Recorded data:
○ ○ ○

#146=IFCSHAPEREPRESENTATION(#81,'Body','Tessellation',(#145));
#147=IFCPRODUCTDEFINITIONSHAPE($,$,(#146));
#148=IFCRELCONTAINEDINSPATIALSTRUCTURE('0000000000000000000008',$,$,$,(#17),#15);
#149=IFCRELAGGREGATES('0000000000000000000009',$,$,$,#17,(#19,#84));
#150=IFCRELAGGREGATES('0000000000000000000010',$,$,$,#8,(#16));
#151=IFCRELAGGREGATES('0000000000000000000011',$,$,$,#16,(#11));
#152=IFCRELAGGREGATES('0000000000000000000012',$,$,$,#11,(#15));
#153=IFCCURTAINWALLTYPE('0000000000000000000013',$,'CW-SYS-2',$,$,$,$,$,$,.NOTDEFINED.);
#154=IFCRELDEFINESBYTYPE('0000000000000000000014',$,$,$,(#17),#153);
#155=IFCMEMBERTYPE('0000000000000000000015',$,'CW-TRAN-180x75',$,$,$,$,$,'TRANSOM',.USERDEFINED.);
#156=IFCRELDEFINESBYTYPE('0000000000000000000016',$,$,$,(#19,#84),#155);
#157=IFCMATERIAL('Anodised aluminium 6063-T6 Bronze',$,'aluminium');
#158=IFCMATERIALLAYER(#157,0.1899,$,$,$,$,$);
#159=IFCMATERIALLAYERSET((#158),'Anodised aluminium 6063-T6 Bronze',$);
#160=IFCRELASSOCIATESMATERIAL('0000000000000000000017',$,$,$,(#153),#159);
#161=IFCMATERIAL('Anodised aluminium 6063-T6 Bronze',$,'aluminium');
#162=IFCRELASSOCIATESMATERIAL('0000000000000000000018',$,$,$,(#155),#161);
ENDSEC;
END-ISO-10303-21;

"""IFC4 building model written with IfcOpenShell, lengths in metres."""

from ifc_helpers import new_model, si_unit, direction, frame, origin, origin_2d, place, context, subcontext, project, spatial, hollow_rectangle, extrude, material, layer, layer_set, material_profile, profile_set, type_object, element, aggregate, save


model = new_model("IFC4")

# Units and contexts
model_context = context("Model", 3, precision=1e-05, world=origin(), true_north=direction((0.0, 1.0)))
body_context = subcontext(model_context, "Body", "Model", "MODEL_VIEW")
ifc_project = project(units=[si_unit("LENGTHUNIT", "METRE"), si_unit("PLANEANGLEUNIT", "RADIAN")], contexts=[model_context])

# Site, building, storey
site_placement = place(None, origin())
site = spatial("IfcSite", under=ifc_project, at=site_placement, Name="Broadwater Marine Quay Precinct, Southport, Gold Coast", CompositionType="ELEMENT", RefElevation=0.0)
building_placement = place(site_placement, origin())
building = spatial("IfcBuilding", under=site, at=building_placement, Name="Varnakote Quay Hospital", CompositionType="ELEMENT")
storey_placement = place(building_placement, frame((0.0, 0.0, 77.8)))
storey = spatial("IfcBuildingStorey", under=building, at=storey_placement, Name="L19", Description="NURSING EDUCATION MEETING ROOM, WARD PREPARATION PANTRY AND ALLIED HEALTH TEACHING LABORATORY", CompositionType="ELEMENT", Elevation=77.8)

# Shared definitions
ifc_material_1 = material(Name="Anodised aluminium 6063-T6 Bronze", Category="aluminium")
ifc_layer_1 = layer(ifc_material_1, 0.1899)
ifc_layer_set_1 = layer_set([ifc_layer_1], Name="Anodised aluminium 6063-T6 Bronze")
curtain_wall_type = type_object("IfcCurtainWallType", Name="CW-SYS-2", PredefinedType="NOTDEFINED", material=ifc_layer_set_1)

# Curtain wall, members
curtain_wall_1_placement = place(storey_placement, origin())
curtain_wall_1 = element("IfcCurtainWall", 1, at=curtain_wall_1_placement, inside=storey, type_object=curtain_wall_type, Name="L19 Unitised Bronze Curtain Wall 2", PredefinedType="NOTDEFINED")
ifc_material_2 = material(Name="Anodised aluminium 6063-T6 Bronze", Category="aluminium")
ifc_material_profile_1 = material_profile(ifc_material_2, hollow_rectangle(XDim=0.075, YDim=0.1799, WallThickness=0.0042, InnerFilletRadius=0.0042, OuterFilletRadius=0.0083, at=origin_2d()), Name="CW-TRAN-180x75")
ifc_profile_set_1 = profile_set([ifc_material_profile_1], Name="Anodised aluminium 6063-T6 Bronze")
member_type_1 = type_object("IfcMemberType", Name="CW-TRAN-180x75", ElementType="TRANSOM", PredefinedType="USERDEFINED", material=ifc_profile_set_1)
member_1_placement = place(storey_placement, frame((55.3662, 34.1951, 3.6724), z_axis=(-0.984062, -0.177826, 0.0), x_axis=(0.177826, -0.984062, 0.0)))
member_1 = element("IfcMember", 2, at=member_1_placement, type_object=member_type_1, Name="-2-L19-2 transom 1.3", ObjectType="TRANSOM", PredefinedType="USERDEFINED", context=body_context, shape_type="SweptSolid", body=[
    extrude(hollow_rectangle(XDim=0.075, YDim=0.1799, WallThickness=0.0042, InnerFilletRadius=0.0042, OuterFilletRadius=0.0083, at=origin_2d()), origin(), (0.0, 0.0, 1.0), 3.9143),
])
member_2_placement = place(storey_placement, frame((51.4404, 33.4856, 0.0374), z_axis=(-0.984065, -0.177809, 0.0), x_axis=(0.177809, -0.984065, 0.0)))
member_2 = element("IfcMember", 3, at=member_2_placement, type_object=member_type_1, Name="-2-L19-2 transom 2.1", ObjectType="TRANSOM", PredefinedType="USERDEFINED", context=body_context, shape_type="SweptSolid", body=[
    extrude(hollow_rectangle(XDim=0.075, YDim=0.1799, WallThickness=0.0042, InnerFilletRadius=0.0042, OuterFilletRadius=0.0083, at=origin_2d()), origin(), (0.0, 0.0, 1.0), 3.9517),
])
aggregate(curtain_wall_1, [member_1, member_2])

○ ○ ○

From the entries above, print the lines beginning at the one with "#161=IFCMATERIAL('Anodised aluminium 6063-T6" and stopping after the one with "site_placement = place(None, origin())", exactly as written and with nothing else.

#161=IFCMATERIAL('Anodised aluminium 6063-T6 Bronze',$,'aluminium');
#162=IFCRELASSOCIATESMATERIAL('0000000000000000000018',$,$,$,(#155),#161);
ENDSEC;
END-ISO-10303-21;

"""IFC4 building model written with IfcOpenShell, lengths in metres."""

from ifc_helpers import new_model, si_unit, direction, frame, origin, origin_2d, place, context, subcontext, project, spatial, hollow_rectangle, extrude, material, layer, layer_set, material_profile, profile_set, type_object, element, aggregate, save


model = new_model("IFC4")

# Units and contexts
model_context = context("Model", 3, precision=1e-05, world=origin(), true_north=direction((0.0, 1.0)))
body_context = subcontext(model_context, "Body", "Model", "MODEL_VIEW")
ifc_project = project(units=[si_unit("LENGTHUNIT", "METRE"), si_unit("PLANEANGLEUNIT", "RADIAN")], contexts=[model_context])

# Site, building, storey
site_placement = place(None, origin())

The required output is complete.